Data to examine START
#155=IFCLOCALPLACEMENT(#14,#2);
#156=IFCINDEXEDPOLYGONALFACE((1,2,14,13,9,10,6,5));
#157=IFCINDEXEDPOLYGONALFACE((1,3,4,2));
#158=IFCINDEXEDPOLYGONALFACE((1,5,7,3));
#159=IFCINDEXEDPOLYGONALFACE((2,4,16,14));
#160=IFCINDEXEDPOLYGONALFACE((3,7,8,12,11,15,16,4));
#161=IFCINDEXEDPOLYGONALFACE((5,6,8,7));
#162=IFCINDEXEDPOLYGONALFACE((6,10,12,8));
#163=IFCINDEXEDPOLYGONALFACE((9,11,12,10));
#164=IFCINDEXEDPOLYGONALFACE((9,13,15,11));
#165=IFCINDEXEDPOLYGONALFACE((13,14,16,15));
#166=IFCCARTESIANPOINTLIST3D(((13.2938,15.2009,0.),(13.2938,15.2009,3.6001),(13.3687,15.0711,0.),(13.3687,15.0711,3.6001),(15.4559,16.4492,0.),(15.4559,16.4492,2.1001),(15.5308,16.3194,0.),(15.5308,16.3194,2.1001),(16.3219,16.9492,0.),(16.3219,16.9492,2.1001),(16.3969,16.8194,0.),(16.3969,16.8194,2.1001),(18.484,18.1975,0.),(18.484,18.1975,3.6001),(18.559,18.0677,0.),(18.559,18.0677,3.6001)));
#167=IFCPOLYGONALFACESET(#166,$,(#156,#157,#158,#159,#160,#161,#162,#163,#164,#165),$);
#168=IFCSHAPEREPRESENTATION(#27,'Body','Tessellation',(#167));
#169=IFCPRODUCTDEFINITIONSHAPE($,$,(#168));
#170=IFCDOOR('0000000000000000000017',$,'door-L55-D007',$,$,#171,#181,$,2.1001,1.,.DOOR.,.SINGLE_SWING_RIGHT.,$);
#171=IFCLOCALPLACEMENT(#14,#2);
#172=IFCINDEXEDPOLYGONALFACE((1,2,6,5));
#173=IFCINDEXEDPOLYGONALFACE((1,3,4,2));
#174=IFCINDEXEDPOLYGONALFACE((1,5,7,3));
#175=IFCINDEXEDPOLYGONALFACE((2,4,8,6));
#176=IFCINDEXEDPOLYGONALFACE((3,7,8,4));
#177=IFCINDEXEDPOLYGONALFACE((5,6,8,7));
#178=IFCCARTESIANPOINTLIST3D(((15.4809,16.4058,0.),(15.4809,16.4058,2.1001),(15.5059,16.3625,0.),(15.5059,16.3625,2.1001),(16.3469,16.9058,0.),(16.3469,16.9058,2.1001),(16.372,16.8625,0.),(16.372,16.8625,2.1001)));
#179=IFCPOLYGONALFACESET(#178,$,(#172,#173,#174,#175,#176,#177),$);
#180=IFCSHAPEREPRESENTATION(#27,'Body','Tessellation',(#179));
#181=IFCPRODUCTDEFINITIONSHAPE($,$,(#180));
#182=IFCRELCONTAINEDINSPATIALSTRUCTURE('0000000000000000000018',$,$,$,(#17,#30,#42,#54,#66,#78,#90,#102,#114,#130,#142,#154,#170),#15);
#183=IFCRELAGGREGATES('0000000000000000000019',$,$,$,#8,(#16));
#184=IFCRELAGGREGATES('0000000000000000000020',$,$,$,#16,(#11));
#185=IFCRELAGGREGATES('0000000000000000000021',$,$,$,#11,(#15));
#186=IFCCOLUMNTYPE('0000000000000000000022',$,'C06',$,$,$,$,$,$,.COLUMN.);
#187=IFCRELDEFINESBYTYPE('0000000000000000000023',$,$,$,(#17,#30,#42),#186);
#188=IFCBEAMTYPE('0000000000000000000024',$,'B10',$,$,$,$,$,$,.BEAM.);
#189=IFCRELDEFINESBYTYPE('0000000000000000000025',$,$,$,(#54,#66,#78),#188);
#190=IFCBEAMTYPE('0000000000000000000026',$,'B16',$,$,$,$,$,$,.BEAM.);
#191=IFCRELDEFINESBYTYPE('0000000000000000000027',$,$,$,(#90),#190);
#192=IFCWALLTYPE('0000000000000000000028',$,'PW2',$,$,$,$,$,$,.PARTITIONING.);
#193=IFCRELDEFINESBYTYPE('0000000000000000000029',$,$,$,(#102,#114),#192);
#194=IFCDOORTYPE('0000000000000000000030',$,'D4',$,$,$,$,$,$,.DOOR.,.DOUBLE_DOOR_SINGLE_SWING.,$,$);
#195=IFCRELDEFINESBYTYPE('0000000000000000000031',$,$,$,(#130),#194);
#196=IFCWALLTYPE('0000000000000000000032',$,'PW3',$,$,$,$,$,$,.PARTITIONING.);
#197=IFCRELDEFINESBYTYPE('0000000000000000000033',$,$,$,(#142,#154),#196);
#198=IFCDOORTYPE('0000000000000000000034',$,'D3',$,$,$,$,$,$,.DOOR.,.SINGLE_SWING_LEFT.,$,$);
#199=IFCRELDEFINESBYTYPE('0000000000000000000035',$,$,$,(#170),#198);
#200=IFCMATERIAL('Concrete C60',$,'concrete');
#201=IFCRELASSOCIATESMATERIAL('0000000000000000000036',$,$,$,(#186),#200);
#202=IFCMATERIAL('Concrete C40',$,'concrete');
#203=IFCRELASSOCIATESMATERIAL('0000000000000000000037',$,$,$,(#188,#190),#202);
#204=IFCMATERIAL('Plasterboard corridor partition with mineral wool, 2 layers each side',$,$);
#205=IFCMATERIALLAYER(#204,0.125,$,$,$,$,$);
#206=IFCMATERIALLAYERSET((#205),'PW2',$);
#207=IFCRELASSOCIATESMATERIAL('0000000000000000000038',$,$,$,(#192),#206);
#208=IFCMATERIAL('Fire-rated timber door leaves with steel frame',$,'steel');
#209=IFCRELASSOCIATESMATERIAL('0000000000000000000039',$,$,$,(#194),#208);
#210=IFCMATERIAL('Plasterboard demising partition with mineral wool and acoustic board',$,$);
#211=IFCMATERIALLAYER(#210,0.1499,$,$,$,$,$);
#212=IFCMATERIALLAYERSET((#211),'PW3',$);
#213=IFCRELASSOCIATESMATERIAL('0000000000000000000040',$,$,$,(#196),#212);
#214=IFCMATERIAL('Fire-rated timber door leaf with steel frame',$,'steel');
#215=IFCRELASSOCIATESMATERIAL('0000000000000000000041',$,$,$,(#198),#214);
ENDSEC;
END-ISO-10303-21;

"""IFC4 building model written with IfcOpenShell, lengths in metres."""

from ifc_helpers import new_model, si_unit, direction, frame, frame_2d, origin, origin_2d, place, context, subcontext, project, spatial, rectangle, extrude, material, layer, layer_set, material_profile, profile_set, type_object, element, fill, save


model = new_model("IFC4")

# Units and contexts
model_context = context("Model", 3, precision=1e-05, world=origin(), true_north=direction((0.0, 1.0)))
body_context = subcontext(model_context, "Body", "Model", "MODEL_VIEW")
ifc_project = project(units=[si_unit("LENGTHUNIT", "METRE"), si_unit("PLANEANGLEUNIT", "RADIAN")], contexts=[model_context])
Data to examine END
Data to examine START
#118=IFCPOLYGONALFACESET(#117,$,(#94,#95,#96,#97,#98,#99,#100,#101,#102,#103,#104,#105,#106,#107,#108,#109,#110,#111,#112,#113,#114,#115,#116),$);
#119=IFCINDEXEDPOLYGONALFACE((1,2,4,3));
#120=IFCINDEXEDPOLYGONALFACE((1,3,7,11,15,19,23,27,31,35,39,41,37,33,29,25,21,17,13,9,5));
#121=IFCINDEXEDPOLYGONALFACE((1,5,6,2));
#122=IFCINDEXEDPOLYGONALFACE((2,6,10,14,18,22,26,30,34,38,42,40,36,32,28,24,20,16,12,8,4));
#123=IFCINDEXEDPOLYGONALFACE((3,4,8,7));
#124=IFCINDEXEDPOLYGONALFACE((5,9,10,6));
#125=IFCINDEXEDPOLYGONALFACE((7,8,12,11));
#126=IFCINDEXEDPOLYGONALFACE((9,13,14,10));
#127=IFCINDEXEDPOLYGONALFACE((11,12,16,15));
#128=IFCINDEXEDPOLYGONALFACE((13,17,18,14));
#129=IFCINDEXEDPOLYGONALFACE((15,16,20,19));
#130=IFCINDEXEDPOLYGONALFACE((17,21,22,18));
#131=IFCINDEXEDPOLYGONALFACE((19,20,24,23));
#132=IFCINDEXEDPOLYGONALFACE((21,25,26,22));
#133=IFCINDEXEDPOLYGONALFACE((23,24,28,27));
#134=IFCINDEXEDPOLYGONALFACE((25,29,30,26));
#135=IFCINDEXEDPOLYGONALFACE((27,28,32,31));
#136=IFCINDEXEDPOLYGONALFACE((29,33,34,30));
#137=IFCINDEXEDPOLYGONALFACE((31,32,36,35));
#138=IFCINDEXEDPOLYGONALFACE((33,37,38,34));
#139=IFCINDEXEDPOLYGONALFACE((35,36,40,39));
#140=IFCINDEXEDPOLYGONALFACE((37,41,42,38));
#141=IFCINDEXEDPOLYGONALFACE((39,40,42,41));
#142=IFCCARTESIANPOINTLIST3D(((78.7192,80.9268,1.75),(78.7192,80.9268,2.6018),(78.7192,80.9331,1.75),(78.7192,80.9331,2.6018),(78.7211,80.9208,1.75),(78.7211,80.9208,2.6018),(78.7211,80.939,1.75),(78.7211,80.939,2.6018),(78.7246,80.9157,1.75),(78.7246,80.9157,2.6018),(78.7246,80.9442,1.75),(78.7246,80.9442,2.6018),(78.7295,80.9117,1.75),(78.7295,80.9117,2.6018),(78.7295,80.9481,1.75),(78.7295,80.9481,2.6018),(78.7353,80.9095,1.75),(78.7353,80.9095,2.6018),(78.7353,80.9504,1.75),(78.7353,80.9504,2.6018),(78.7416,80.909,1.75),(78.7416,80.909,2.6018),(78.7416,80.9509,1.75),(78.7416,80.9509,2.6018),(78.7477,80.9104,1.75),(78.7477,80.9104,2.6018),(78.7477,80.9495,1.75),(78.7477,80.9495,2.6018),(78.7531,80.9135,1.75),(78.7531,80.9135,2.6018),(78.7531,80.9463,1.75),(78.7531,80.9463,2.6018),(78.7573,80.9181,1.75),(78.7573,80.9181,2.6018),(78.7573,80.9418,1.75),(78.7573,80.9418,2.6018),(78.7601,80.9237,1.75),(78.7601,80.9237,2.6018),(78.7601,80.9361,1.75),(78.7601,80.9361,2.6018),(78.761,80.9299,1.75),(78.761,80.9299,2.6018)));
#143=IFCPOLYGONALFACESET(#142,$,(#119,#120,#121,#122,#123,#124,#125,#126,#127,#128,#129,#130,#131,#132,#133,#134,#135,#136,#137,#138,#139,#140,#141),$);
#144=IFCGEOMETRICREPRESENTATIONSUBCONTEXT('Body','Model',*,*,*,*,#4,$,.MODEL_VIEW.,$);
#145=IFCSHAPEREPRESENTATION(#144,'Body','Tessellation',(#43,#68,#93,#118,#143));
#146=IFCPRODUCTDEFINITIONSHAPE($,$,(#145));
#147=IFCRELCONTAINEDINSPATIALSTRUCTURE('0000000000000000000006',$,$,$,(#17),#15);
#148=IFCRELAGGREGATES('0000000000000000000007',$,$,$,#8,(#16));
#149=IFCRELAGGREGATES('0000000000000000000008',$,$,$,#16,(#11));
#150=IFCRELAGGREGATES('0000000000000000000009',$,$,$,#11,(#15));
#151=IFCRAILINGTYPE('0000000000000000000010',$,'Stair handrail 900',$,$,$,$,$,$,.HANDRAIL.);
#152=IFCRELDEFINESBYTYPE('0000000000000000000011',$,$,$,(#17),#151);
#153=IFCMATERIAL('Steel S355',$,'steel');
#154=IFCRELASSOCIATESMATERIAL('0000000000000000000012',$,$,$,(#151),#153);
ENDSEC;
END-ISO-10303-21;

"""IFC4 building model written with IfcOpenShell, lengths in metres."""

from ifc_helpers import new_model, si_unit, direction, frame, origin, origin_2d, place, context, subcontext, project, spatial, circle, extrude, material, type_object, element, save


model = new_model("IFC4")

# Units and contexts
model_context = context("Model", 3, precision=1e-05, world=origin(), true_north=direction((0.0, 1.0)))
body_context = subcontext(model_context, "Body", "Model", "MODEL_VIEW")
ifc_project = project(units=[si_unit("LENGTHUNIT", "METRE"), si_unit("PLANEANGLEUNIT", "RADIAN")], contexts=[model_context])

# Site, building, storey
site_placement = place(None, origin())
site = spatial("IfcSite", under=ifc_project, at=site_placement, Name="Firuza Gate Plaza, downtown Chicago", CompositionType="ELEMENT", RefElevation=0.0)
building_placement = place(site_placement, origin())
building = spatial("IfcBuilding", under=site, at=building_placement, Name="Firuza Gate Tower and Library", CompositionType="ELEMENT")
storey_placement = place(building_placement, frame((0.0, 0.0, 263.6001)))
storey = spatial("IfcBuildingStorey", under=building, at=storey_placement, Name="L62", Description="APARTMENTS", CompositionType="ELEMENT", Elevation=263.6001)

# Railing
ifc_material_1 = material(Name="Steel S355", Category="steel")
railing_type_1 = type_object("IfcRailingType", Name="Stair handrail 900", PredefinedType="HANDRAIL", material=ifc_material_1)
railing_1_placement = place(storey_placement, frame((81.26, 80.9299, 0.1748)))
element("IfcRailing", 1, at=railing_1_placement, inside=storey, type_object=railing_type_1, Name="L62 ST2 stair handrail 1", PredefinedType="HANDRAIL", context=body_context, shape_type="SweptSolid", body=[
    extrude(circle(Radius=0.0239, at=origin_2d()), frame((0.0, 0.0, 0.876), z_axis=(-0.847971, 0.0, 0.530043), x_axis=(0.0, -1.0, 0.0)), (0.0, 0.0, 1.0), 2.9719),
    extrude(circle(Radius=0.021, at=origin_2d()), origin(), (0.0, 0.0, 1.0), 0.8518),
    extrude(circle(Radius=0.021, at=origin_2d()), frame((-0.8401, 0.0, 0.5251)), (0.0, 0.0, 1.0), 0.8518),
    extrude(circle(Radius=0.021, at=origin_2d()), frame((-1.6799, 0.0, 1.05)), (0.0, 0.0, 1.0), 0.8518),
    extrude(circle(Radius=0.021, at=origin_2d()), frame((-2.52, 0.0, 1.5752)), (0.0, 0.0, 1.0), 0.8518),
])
Data to examine END
* **What needs to be done**
Produce only the lines from the line containing "#155=IFCLOCALPLACEMENT(#14,#2);" through the line containing "#163=IFCINDEXEDPOLYGONALFACE((9,11,12,10));", inclusive of both, exactly as they stand in the entries above.

* **Problem solution**
#155=IFCLOCALPLACEMENT(#14,#2);
#156=IFCINDEXEDPOLYGONALFACE((1,2,14,13,9,10,6,5));
#157=IFCINDEXEDPOLYGONALFACE((1,3,4,2));
#158=IFCINDEXEDPOLYGONALFACE((1,5,7,3));
#159=IFCINDEXEDPOLYGONALFACE((2,4,16,14));
#160=IFCINDEXEDPOLYGONALFACE((3,7,8,12,11,15,16,4));
#161=IFCINDEXEDPOLYGONALFACE((5,6,8,7));
#162=IFCINDEXEDPOLYGONALFACE((6,10,12,8));
#163=IFCINDEXEDPOLYGONALFACE((9,11,12,10));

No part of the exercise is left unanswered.